Exercise instructions
Please give back word for word the lines of the material below between the line containing "#111=IFCLOCALPLACEMENT(#14,#2);" and the line containing "#136=IFCINDEXEDPOLYGONALFACE((9,10,12,11));", inclusive.

Extracted data
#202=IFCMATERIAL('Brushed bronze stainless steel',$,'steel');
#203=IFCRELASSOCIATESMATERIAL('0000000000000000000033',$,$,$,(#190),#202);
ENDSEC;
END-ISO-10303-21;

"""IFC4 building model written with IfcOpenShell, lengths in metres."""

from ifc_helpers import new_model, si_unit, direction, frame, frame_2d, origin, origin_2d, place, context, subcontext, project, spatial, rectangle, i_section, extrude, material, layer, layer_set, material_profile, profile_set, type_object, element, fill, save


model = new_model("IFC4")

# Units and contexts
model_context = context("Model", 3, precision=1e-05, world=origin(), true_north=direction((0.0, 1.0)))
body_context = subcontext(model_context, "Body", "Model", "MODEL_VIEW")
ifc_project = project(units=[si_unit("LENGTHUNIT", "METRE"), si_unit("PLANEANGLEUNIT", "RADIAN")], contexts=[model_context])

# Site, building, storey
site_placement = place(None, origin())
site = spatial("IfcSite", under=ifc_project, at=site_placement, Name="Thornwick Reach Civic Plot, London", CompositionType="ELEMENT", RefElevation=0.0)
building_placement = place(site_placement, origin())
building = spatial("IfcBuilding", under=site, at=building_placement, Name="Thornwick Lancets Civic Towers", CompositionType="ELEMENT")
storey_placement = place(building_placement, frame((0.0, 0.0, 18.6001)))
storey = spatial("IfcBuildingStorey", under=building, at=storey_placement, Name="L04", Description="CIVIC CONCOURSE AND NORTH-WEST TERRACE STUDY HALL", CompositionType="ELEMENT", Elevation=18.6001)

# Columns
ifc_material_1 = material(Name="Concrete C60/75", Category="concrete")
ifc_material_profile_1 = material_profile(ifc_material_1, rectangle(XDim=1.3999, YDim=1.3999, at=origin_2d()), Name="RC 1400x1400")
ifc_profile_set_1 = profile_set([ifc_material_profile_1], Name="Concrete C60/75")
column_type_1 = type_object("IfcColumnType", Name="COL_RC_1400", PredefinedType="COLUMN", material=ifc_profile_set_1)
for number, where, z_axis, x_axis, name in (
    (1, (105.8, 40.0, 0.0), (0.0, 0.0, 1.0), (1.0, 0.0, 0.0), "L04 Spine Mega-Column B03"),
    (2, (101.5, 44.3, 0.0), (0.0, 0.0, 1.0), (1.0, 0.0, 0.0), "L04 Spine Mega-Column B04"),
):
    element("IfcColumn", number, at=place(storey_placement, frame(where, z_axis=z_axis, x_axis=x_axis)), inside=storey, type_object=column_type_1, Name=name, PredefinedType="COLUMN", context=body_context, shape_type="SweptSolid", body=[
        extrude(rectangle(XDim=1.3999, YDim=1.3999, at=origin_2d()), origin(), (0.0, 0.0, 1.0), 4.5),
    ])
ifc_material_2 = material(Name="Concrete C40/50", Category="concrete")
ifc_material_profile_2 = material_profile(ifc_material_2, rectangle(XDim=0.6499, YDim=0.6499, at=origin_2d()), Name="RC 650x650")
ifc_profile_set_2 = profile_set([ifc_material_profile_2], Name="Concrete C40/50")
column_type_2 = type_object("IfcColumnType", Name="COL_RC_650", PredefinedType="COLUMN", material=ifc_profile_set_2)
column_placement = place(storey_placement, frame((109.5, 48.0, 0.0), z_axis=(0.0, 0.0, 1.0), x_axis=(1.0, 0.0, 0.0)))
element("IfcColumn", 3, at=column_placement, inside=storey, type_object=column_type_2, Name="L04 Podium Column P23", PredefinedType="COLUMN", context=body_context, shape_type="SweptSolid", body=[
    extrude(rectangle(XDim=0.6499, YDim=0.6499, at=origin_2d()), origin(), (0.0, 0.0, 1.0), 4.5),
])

* * *

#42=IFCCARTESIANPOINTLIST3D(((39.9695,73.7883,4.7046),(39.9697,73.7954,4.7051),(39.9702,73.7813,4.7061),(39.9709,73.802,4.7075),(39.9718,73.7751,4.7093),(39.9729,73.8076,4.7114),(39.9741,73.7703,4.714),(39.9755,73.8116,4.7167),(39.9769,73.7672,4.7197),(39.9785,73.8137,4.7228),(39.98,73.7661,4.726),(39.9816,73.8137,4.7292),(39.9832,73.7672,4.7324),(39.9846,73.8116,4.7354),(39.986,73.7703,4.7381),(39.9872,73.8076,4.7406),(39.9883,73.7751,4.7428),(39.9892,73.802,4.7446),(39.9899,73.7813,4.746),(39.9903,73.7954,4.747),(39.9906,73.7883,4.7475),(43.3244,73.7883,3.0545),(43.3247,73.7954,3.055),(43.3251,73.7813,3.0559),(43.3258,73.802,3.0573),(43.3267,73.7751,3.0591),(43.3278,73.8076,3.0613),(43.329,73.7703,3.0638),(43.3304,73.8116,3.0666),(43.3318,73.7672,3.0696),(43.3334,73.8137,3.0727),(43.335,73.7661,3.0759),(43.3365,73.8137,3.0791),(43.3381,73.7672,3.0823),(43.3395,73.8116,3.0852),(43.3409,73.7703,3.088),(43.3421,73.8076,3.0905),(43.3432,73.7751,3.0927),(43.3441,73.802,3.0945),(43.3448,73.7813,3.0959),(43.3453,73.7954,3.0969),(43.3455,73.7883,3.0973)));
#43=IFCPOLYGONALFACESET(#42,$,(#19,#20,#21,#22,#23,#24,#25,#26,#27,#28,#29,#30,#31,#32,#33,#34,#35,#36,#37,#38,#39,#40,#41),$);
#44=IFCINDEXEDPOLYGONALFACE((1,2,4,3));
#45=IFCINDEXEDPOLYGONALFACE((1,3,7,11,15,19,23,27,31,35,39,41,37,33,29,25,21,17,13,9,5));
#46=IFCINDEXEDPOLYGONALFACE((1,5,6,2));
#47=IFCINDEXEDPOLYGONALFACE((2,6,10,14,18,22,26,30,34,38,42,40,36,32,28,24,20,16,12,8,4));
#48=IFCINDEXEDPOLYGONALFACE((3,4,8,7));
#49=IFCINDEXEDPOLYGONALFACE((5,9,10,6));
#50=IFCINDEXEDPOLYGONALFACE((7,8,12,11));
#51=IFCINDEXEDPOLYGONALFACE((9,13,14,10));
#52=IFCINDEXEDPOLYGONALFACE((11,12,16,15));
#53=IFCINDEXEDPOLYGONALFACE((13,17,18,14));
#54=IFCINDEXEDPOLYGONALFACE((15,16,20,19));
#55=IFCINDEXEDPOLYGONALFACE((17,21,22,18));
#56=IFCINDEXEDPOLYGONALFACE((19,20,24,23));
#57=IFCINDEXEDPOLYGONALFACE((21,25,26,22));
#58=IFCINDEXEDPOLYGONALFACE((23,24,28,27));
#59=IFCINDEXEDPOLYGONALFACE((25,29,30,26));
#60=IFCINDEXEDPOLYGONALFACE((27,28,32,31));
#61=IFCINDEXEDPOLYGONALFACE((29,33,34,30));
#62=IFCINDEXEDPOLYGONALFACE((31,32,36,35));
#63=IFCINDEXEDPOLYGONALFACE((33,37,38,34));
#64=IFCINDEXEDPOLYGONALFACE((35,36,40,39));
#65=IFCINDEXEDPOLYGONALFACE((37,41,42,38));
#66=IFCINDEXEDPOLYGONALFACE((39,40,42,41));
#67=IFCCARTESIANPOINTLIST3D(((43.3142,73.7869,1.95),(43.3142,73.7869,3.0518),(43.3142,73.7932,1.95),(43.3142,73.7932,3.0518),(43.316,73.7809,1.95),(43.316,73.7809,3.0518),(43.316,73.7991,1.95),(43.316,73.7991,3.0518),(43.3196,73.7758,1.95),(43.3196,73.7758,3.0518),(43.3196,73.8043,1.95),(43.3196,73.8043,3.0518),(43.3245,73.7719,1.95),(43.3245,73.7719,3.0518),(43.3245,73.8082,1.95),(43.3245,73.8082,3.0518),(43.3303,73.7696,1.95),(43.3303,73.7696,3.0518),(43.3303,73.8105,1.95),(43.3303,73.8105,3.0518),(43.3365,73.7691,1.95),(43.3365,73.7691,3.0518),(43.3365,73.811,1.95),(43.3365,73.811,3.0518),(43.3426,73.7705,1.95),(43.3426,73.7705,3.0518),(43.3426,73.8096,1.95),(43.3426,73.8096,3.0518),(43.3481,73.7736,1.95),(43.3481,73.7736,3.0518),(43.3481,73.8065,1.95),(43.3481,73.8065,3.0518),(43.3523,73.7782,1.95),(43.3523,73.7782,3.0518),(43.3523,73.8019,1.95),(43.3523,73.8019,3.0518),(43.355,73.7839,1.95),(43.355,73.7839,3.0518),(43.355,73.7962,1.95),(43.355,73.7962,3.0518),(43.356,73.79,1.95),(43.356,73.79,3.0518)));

---

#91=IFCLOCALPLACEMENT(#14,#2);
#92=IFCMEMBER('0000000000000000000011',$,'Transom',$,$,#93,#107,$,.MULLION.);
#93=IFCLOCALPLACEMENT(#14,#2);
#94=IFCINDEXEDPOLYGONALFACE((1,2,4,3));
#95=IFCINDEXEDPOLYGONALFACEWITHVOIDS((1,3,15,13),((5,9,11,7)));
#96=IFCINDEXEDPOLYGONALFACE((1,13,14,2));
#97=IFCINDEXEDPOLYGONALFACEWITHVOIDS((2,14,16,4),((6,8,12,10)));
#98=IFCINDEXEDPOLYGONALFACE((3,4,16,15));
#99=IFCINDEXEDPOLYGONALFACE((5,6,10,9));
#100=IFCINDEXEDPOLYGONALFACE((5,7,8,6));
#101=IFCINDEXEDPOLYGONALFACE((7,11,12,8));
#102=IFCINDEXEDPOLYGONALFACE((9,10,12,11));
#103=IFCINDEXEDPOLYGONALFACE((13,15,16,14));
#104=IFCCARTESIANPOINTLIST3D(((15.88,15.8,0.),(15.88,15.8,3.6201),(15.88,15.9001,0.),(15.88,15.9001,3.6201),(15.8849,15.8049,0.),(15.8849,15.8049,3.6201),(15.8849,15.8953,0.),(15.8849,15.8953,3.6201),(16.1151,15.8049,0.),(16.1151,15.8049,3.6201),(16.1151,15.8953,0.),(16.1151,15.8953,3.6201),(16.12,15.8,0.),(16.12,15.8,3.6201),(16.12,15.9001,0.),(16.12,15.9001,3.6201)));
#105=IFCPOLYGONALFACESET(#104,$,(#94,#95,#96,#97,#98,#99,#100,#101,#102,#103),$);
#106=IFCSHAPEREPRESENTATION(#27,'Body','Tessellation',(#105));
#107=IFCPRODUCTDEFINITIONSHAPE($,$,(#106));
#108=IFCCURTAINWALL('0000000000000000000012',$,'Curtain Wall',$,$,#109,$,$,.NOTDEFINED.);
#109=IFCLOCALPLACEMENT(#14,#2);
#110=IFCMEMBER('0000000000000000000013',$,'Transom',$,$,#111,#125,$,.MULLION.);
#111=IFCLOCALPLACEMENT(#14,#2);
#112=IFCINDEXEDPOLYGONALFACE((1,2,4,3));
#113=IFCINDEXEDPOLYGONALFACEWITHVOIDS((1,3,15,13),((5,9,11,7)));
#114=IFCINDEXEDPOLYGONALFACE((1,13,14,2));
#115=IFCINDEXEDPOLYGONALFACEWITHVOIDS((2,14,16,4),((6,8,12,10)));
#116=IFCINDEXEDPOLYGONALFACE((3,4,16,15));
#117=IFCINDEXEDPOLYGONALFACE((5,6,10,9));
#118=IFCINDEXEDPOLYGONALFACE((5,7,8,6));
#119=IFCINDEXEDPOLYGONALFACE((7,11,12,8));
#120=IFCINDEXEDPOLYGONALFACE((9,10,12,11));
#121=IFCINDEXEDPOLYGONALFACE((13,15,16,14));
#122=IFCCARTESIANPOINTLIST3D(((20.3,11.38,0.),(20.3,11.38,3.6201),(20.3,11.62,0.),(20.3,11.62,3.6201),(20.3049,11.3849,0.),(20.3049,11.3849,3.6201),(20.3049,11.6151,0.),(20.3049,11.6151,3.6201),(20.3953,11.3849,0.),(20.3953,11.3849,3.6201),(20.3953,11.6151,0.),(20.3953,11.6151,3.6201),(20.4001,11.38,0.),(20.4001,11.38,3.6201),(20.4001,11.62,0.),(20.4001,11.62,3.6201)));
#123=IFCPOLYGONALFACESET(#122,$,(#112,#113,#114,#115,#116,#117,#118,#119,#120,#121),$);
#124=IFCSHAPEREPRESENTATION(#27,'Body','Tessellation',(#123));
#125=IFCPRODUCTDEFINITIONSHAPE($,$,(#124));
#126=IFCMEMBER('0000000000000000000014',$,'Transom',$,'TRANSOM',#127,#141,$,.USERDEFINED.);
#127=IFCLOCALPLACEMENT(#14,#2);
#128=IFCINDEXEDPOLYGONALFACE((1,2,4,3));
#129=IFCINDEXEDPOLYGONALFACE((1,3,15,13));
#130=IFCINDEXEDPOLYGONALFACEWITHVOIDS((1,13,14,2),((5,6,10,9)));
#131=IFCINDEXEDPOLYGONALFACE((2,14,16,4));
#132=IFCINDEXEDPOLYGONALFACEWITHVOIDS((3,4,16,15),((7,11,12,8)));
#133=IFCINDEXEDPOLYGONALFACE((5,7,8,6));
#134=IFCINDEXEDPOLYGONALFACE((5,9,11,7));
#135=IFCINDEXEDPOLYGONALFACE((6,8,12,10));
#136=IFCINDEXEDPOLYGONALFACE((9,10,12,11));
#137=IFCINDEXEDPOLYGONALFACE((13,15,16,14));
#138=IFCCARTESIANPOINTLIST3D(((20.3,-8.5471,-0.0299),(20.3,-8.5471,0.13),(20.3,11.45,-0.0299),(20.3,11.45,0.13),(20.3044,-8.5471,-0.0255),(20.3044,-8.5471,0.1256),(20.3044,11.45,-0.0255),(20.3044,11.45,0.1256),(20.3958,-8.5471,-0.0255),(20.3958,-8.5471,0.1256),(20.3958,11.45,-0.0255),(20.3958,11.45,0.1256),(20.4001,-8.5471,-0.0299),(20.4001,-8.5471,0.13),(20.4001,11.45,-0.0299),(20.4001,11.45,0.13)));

Answer section
#111=IFCLOCALPLACEMENT(#14,#2);
#112=IFCINDEXEDPOLYGONALFACE((1,2,4,3));
#113=IFCINDEXEDPOLYGONALFACEWITHVOIDS((1,3,15,13),((5,9,11,7)));
#114=IFCINDEXEDPOLYGONALFACE((1,13,14,2));
#115=IFCINDEXEDPOLYGONALFACEWITHVOIDS((2,14,16,4),((6,8,12,10)));
#116=IFCINDEXEDPOLYGONALFACE((3,4,16,15));
#117=IFCINDEXEDPOLYGONALFACE((5,6,10,9));
#118=IFCINDEXEDPOLYGONALFACE((5,7,8,6));
#119=IFCINDEXEDPOLYGONALFACE((7,11,12,8));
#120=IFCINDEXEDPOLYGONALFACE((9,10,12,11));
#121=IFCINDEXEDPOLYGONALFACE((13,15,16,14));
#122=IFCCARTESIANPOINTLIST3D(((20.3,11.38,0.),(20.3,11.38,3.6201),(20.3,11.62,0.),(20.3,11.62,3.6201),(20.3049,11.3849,0.),(20.3049,11.3849,3.6201),(20.3049,11.6151,0.),(20.3049,11.6151,3.6201),(20.3953,11.3849,0.),(20.3953,11.3849,3.6201),(20.3953,11.6151,0.),(20.3953,11.6151,3.6201),(20.4001,11.38,0.),(20.4001,11.38,3.6201),(20.4001,11.62,0.),(20.4001,11.62,3.6201)));
#123=IFCPOLYGONALFACESET(#122,$,(#112,#113,#114,#115,#116,#117,#118,#119,#120,#121),$);
#124=IFCSHAPEREPRESENTATION(#27,'Body','Tessellation',(#123));
#125=IFCPRODUCTDEFINITIONSHAPE($,$,(#124));
#126=IFCMEMBER('0000000000000000000014',$,'Transom',$,'TRANSOM',#127,#141,$,.USERDEFINED.);
#127=IFCLOCALPLACEMENT(#14,#2);
#128=IFCINDEXEDPOLYGONALFACE((1,2,4,3));
#129=IFCINDEXEDPOLYGONALFACE((1,3,15,13));
#130=IFCINDEXEDPOLYGONALFACEWITHVOIDS((1,13,14,2),((5,6,10,9)));
#131=IFCINDEXEDPOLYGONALFACE((2,14,16,4));
#132=IFCINDEXEDPOLYGONALFACEWITHVOIDS((3,4,16,15),((7,11,12,8)));
#133=IFCINDEXEDPOLYGONALFACE((5,7,8,6));
#134=IFCINDEXEDPOLYGONALFACE((5,9,11,7));
#135=IFCINDEXEDPOLYGONALFACE((6,8,12,10));
#136=IFCINDEXEDPOLYGONALFACE((9,10,12,11));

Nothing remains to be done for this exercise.